## What is being asked:
How many lines in the data hold the string "things"? State the number alone.

(Beginning of Source material)

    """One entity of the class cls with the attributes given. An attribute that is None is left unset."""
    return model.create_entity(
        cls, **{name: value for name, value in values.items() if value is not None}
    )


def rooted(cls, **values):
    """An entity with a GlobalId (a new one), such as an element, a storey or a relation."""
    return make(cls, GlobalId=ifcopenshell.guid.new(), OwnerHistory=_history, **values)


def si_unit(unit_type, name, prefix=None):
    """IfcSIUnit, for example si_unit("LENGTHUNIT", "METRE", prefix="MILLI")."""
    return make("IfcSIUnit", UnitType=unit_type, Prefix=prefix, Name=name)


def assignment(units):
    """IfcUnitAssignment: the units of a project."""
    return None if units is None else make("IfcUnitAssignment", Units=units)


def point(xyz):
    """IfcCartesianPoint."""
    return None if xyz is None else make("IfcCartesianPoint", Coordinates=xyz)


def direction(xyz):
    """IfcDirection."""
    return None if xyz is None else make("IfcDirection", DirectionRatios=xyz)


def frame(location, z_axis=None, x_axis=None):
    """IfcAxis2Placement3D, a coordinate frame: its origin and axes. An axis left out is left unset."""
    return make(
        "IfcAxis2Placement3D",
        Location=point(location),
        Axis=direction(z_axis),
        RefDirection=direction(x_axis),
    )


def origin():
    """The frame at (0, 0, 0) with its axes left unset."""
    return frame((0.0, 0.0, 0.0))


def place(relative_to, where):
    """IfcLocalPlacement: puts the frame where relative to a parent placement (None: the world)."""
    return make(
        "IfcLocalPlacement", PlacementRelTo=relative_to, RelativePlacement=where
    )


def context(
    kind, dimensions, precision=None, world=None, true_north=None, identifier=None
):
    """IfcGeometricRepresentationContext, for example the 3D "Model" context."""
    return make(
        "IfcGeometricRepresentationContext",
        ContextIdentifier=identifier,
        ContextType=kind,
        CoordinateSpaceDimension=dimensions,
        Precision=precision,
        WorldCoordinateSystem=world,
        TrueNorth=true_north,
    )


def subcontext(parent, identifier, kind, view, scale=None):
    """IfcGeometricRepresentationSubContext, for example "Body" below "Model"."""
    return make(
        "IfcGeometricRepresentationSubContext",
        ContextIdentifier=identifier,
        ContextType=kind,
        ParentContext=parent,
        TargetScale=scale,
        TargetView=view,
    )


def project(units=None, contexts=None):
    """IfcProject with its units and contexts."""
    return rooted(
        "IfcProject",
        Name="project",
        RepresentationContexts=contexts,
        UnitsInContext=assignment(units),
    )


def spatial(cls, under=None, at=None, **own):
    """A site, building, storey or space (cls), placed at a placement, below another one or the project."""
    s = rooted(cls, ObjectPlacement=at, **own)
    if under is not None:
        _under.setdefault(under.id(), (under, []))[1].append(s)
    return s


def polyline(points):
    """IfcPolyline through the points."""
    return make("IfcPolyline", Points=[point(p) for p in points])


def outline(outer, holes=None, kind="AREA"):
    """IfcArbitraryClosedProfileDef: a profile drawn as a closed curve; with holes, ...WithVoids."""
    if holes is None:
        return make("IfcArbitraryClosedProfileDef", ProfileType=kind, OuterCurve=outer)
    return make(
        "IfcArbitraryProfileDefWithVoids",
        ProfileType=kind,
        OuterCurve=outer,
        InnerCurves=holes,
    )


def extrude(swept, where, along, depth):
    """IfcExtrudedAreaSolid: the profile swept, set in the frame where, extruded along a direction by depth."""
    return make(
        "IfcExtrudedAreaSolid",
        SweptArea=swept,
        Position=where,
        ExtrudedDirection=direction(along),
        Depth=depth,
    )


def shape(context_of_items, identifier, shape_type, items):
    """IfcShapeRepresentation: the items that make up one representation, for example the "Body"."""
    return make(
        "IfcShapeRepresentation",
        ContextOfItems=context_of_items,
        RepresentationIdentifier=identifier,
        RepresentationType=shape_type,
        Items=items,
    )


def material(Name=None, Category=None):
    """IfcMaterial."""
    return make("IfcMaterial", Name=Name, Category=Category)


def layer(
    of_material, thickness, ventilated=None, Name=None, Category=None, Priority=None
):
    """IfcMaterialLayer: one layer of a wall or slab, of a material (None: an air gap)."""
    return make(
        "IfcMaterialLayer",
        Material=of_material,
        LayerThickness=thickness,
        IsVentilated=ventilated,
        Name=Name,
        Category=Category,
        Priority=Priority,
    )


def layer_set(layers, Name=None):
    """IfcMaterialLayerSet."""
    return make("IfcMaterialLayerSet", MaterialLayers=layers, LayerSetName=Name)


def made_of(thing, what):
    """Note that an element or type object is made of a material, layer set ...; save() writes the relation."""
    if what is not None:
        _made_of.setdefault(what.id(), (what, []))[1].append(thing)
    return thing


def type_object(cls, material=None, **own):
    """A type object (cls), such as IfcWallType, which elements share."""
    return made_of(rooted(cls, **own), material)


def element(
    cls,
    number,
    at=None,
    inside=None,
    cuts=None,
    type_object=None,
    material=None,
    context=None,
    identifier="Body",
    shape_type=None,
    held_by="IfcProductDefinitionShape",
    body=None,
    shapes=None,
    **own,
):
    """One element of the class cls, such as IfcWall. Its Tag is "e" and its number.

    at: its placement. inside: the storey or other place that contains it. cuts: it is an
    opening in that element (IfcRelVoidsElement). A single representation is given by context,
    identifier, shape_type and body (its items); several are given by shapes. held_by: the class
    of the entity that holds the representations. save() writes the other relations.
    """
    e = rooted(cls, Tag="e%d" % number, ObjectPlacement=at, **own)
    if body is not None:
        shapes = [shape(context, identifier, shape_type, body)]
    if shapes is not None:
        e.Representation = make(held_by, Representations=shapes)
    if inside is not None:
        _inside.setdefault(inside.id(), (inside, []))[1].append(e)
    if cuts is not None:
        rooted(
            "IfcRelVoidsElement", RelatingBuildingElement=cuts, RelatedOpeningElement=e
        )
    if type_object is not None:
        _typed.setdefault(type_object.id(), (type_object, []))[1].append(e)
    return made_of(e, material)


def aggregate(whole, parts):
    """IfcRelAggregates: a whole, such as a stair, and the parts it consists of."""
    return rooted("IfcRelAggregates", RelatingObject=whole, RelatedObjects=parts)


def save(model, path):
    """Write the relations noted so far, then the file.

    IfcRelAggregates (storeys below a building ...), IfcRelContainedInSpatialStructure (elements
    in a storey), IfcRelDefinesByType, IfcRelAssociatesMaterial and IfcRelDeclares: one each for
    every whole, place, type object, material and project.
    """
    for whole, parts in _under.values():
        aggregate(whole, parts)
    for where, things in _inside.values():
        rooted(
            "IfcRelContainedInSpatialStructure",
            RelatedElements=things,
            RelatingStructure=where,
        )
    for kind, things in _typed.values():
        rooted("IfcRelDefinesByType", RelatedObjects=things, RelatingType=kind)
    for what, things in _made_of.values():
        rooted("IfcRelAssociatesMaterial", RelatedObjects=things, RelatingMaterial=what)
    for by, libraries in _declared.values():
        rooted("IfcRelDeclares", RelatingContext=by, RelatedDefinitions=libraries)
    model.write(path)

(End of Source material)

## Task result:
6